(Beginning of Data provided)
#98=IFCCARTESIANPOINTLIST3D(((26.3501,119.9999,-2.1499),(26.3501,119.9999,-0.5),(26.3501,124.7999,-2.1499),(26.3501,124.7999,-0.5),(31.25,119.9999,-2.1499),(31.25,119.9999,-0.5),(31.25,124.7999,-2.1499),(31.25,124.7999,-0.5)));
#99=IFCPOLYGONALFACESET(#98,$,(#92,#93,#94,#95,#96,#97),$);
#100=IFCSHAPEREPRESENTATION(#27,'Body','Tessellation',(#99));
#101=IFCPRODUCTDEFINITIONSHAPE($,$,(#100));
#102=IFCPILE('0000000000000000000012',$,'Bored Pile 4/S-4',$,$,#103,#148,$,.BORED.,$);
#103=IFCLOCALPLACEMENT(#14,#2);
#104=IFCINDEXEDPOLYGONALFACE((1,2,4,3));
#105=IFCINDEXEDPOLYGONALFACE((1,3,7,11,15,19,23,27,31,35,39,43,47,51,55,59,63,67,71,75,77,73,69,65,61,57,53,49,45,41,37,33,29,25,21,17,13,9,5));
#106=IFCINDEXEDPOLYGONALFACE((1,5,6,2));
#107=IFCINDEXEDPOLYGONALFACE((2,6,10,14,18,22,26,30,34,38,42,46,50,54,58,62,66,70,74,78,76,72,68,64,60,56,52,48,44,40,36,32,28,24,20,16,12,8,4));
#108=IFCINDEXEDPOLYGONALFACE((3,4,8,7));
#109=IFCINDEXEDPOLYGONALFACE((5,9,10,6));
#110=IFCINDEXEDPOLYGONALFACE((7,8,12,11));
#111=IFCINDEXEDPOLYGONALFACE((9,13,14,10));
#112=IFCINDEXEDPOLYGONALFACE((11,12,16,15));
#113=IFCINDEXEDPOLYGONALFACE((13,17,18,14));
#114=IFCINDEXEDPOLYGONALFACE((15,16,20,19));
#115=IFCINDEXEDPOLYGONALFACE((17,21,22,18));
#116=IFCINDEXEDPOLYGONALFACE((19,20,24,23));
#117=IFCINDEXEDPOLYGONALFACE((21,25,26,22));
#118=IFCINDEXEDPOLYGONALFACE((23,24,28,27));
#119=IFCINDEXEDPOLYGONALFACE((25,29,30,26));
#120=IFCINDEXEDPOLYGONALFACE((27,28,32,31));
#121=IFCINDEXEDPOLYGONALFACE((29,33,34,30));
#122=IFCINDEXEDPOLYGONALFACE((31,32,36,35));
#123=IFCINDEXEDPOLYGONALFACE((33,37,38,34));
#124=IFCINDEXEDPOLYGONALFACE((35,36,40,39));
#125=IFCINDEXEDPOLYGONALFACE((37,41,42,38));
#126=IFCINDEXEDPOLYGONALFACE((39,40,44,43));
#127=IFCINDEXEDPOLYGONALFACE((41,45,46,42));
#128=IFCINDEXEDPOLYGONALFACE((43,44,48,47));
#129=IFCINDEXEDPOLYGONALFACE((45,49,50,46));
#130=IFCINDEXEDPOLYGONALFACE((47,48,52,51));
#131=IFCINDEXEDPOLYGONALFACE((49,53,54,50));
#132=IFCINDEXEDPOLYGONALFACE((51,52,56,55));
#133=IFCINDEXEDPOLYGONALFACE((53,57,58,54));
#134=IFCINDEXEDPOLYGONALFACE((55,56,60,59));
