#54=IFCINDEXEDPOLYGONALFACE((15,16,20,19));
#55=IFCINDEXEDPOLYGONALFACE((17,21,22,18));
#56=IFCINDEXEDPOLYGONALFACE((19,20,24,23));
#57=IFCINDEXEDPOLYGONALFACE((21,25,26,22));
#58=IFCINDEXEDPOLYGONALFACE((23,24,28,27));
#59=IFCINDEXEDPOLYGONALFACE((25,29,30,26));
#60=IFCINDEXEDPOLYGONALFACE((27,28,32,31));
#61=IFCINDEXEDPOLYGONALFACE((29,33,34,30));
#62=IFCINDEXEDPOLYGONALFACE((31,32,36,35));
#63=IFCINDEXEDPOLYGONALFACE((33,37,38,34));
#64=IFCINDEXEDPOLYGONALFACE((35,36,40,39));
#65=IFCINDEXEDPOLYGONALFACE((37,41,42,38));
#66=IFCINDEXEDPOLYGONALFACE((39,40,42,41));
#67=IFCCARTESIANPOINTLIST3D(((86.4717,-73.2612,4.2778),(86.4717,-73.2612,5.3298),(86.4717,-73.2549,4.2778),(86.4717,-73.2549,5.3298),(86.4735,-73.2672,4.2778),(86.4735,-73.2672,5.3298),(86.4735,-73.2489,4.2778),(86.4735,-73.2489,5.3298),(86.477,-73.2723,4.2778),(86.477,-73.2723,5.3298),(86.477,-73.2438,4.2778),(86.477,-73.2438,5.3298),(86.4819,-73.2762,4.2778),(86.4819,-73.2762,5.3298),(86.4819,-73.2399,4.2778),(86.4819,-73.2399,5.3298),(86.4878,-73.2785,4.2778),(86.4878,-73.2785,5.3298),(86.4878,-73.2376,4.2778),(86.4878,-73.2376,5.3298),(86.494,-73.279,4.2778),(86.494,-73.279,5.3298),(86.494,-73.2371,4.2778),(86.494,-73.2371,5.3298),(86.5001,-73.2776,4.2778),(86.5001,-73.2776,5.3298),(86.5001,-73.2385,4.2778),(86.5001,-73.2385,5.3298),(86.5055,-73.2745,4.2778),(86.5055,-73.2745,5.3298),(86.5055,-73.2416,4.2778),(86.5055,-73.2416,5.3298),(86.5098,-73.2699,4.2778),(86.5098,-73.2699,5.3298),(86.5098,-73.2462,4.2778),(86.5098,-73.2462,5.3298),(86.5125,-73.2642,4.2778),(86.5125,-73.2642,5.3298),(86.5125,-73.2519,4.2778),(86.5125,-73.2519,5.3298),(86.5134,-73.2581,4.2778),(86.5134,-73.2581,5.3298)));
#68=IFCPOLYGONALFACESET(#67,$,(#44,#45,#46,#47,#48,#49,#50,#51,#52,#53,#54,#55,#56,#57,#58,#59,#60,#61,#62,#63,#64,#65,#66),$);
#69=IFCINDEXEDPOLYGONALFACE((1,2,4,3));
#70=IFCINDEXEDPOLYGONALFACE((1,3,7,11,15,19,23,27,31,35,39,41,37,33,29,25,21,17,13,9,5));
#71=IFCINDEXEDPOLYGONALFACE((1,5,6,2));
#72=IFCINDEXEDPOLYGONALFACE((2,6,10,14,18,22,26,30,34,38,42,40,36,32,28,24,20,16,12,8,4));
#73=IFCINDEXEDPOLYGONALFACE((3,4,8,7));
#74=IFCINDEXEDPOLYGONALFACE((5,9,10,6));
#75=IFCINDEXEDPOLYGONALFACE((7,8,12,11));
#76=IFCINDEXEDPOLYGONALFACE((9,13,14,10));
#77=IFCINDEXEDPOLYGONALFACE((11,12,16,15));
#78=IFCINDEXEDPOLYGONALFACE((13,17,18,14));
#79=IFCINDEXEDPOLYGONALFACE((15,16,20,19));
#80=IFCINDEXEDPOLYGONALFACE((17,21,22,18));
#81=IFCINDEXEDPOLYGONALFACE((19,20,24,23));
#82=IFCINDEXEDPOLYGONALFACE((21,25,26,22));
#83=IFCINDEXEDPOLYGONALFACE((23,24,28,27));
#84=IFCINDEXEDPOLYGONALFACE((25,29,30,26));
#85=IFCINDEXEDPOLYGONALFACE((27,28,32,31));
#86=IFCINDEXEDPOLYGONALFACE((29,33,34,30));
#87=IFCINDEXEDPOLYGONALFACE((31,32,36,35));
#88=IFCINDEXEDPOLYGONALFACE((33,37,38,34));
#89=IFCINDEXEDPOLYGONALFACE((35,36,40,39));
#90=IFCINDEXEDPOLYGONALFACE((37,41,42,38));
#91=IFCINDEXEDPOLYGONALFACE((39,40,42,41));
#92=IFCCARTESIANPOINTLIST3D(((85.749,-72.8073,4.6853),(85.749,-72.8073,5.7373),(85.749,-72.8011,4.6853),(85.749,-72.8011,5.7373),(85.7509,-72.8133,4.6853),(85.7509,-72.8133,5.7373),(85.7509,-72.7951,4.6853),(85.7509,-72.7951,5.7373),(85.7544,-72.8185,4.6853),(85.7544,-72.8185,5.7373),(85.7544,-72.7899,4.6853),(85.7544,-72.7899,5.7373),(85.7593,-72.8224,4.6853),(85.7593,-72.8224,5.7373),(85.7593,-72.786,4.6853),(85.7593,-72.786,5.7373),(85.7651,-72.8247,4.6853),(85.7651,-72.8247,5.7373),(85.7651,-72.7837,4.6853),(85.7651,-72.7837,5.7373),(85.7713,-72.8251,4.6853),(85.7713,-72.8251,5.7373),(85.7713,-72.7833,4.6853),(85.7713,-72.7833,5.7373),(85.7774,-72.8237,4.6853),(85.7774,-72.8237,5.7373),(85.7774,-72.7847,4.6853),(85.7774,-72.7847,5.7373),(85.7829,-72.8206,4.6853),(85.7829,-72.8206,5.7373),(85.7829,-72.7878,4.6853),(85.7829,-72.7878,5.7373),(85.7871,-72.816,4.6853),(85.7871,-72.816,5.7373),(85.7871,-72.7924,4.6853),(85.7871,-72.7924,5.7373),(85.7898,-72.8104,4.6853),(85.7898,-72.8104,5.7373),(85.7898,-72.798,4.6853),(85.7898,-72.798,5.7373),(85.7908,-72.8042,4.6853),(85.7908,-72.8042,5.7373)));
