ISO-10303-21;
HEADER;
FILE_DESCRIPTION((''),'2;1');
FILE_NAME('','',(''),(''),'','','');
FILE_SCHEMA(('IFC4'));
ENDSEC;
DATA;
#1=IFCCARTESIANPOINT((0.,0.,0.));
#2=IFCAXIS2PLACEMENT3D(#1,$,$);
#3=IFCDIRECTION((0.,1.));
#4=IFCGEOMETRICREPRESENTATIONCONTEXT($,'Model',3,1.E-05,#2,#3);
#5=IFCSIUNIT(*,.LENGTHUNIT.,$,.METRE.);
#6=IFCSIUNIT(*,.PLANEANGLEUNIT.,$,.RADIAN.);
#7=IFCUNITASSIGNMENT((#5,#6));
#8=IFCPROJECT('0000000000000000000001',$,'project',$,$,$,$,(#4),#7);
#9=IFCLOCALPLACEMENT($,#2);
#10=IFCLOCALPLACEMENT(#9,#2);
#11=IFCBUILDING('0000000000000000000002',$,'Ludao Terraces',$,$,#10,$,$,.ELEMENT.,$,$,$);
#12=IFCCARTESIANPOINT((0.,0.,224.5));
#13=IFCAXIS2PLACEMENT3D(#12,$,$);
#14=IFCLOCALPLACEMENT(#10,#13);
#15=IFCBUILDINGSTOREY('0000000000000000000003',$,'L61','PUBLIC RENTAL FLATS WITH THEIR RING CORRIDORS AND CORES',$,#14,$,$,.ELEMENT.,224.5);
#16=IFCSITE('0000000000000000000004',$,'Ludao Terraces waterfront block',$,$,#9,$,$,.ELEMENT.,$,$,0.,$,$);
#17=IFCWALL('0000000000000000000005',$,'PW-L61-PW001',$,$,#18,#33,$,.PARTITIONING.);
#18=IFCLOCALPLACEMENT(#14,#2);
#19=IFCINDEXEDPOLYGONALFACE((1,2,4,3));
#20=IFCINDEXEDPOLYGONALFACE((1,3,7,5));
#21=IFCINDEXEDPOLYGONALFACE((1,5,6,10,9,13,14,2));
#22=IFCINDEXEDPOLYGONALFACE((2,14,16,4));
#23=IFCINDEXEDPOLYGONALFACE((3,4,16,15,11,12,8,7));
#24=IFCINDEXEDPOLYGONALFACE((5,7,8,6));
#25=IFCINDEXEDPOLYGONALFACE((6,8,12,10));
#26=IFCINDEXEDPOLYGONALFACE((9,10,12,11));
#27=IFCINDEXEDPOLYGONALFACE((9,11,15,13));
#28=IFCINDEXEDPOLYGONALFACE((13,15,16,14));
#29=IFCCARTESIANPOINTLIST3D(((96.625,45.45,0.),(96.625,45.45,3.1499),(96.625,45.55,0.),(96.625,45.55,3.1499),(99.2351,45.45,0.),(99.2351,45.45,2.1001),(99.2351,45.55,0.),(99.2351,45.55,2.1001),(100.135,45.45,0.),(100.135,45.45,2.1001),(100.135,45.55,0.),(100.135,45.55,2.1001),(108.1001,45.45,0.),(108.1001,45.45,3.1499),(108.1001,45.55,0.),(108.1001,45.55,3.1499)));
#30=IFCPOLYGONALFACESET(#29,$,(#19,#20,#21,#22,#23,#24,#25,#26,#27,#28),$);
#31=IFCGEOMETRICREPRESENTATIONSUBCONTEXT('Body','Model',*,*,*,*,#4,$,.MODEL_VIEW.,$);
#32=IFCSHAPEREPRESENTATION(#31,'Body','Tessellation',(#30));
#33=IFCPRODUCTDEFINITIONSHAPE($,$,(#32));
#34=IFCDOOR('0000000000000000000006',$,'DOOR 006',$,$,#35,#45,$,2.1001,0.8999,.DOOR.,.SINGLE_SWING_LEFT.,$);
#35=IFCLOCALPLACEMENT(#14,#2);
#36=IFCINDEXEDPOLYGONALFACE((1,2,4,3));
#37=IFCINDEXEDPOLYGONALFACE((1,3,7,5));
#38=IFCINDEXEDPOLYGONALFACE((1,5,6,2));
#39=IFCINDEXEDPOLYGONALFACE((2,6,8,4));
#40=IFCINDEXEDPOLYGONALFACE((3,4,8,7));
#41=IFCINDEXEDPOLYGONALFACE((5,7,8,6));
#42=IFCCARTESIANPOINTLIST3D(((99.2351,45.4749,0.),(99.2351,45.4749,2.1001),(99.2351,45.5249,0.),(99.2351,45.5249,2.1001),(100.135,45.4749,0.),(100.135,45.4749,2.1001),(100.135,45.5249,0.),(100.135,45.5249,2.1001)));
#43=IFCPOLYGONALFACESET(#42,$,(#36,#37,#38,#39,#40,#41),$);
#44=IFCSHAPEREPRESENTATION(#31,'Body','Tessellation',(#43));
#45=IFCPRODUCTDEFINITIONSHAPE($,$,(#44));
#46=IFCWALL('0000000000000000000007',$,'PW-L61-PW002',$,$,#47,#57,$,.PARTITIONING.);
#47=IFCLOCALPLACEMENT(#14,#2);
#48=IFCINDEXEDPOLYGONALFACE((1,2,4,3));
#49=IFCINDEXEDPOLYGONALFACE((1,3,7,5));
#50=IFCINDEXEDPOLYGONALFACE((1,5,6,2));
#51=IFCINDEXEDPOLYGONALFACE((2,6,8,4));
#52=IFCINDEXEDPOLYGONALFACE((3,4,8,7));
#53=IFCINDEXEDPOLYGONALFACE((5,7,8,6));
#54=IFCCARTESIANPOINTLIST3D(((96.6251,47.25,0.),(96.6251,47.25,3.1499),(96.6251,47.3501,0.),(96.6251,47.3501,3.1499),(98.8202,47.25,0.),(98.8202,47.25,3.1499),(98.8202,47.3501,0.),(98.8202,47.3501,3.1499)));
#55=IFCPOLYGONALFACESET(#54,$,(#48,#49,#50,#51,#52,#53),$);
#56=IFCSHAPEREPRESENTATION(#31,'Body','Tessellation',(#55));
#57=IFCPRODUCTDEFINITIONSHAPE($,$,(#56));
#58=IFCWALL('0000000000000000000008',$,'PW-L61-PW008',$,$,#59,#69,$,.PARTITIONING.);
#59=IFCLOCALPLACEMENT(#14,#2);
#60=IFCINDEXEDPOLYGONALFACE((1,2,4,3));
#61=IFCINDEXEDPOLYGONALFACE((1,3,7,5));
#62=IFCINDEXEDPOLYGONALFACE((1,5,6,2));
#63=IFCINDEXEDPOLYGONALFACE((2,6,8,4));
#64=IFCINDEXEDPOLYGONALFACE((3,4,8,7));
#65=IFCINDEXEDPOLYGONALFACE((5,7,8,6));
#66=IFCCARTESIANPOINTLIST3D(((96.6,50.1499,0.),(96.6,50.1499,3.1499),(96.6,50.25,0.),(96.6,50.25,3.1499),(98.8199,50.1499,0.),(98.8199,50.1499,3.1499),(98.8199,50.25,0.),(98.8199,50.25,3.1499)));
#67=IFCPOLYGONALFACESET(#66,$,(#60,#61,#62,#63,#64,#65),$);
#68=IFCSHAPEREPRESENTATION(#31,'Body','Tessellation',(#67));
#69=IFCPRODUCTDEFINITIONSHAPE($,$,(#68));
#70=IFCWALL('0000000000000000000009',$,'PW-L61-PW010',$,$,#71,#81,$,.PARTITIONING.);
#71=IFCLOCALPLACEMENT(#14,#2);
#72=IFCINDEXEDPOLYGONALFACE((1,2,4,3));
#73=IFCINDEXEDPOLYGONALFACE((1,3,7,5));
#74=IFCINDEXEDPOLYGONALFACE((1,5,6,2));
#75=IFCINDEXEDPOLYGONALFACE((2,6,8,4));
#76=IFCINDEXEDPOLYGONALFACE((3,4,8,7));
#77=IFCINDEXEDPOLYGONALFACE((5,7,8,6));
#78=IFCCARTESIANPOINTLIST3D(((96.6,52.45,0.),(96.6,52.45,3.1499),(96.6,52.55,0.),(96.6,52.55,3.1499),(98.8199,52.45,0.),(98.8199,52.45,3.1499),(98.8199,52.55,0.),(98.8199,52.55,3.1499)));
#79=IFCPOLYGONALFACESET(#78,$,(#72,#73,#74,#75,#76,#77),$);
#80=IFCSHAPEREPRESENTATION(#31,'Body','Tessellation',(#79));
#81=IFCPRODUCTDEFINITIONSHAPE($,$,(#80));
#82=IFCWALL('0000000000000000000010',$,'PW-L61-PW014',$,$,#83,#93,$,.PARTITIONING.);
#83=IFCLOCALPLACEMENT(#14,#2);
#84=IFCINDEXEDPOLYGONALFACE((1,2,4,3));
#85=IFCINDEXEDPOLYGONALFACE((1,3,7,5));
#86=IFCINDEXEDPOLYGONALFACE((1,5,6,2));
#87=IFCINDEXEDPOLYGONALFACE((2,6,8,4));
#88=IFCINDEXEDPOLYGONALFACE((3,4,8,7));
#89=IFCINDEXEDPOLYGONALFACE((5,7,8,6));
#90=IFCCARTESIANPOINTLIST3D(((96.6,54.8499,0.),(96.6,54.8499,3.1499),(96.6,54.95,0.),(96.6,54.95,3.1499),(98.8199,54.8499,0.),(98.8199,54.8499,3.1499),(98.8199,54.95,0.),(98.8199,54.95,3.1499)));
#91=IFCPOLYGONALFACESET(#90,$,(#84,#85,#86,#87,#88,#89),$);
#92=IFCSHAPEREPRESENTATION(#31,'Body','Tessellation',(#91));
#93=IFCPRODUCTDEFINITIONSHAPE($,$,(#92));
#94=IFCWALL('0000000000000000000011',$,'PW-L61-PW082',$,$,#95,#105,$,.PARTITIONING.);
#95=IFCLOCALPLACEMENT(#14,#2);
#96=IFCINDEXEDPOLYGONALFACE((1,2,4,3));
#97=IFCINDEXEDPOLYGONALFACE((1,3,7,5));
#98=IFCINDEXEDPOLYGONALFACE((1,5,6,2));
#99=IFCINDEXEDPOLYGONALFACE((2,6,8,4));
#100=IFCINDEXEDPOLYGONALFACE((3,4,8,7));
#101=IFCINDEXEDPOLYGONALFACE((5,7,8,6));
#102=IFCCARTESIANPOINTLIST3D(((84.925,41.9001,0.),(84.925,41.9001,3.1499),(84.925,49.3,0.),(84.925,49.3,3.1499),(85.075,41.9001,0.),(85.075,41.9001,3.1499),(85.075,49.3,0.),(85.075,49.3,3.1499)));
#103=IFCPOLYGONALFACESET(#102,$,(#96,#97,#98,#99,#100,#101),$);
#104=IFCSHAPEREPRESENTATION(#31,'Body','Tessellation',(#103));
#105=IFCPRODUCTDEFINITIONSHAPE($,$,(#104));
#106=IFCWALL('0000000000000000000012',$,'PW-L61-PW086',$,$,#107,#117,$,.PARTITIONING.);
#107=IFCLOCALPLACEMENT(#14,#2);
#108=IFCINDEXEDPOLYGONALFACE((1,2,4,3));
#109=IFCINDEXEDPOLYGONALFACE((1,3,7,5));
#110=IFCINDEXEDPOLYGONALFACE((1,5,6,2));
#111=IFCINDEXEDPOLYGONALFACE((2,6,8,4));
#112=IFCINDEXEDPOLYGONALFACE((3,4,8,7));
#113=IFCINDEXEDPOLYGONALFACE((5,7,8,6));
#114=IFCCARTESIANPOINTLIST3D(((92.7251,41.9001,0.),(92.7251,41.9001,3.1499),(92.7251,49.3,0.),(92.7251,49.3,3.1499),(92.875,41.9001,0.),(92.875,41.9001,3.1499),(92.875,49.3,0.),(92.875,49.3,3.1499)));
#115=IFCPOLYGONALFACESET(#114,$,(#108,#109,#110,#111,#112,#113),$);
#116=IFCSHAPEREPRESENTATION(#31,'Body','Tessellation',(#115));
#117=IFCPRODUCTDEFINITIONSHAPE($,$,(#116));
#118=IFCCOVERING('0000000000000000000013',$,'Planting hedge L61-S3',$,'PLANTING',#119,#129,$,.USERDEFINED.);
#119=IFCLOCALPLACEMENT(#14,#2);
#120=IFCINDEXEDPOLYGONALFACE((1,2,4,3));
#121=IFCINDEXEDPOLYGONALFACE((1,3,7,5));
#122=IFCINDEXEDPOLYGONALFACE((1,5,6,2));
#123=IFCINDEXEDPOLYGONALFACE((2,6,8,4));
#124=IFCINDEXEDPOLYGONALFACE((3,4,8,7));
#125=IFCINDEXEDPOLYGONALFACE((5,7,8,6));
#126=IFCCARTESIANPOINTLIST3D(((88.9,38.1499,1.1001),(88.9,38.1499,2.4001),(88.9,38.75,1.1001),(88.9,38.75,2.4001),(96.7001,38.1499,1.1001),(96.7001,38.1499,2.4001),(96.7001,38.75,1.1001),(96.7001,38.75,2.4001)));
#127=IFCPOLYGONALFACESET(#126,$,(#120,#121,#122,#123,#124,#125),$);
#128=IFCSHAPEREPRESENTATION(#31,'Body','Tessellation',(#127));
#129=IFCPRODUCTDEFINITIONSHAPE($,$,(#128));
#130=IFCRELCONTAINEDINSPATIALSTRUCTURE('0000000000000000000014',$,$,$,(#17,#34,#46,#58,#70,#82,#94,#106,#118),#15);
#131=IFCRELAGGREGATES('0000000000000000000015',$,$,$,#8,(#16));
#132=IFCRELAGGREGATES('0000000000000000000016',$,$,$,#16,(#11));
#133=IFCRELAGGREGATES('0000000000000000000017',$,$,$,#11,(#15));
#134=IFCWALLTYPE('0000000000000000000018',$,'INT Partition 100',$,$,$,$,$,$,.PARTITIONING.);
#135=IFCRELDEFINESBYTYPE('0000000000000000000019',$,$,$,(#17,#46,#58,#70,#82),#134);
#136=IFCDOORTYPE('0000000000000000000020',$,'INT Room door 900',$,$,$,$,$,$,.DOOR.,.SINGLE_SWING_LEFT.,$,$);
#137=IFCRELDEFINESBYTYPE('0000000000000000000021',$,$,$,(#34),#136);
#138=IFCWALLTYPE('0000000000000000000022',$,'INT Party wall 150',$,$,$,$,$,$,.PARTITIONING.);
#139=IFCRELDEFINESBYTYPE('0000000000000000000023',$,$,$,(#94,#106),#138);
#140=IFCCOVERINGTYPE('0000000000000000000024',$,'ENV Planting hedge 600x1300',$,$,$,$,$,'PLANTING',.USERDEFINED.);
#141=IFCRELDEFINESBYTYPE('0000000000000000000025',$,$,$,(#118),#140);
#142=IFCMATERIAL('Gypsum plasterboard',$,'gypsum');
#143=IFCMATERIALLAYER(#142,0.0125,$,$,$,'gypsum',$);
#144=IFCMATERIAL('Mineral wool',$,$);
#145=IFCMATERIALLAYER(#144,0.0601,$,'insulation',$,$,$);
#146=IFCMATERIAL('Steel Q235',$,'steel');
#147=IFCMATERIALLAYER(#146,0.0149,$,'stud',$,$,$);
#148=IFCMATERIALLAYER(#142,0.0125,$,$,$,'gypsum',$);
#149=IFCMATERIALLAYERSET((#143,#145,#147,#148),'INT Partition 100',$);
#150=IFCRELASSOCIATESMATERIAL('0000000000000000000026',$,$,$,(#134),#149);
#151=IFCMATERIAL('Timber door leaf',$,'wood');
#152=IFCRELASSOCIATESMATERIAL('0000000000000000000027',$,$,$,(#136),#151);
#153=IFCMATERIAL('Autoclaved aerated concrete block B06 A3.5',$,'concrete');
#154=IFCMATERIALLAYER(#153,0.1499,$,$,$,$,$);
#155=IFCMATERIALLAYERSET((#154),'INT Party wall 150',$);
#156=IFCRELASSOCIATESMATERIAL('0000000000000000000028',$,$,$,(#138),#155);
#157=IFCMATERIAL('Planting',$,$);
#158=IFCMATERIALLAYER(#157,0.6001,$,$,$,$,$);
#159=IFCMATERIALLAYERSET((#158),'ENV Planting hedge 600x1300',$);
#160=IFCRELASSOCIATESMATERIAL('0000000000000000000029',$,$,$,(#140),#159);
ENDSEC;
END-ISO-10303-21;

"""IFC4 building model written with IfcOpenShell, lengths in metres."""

from ifc_helpers import new_model, si_unit, direction, frame, frame_2d, origin, origin_2d, place, context, subcontext, project, spatial, rectangle, extrude, material, layer, layer_set, type_object, element, fill, save


model = new_model("IFC4")

# Units and contexts
model_context = context("Model", 3, precision=1e-05, world=origin(), true_north=direction((0.0, 1.0)))
body_context = subcontext(model_context, "Body", "Model", "MODEL_VIEW")
ifc_project = project(units=[si_unit("LENGTHUNIT", "METRE"), si_unit("PLANEANGLEUNIT", "RADIAN")], contexts=[model_context])

# Site, building, storey
site_placement = place(None, origin())
site = spatial("IfcSite", under=ifc_project, at=site_placement, Name="Ludao Terraces waterfront block", CompositionType="ELEMENT", RefElevation=0.0)
building_placement = place(site_placement, origin())
building = spatial("IfcBuilding", under=site, at=building_placement, Name="Ludao Terraces", CompositionType="ELEMENT")
storey_placement = place(building_placement, frame((0.0, 0.0, 224.5)))
storey = spatial("IfcBuildingStorey", under=building, at=storey_placement, Name="L61", Description="PUBLIC RENTAL FLATS WITH THEIR RING CORRIDORS AND CORES", CompositionType="ELEMENT", Elevation=224.5)

# Shared definitions
ifc_material_1 = material(Name="Steel Q235", Category="steel")

# Shared definitions
ifc_material_2 = material(Name="Mineral wool")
(End of Data provided)
**Work instruction:**
Could you set down, word for word, only the lines above from the line with "#113=IFCINDEXEDPOLYGONALFACE((13,17,18,14));" to the line with "#56=IFCINDEXEDPOLYGONALFACE((19,20,24,23));", including both?

**Result for this exercise:**
#113=IFCINDEXEDPOLYGONALFACE((13,17,18,14));
#114=IFCINDEXEDPOLYGONALFACE((15,16,20,19));
#115=IFCINDEXEDPOLYGONALFACE((17,21,22,18));
#116=IFCINDEXEDPOLYGONALFACE((19,20,24,23));
#117=IFCINDEXEDPOLYGONALFACE((21,25,26,22));
#118=IFCINDEXEDPOLYGONALFACE((23,24,28,27));
#119=IFCINDEXEDPOLYGONALFACE((25,29,30,26));
#120=IFCINDEXEDPOLYGONALFACE((27,28,32,31));
#121=IFCINDEXEDPOLYGONALFACE((29,33,34,30));
#122=IFCINDEXEDPOLYGONALFACE((31,32,36,35));
#123=IFCINDEXEDPOLYGONALFACE((33,37,38,34));
#124=IFCINDEXEDPOLYGONALFACE((35,36,40,39));
#125=IFCINDEXEDPOLYGONALFACE((37,41,42,38));
#126=IFCINDEXEDPOLYGONALFACE((39,40,44,43));
#127=IFCINDEXEDPOLYGONALFACE((41,45,46,42));
#128=IFCINDEXEDPOLYGONALFACE((43,44,48,47));
#129=IFCINDEXEDPOLYGONALFACE((45,49,50,46));
#130=IFCINDEXEDPOLYGONALFACE((47,48,52,51));
#131=IFCINDEXEDPOLYGONALFACE((49,53,54,50));
#132=IFCINDEXEDPOLYGONALFACE((51,52,56,55));
#133=IFCINDEXEDPOLYGONALFACE((53,57,58,54));
#134=IFCINDEXEDPOLYGONALFACE((55,56,60,59));
#54=IFCINDEXEDPOLYGONALFACE((15,16,20,19));
#55=IFCINDEXEDPOLYGONALFACE((17,21,22,18));
#56=IFCINDEXEDPOLYGONALFACE((19,20,24,23));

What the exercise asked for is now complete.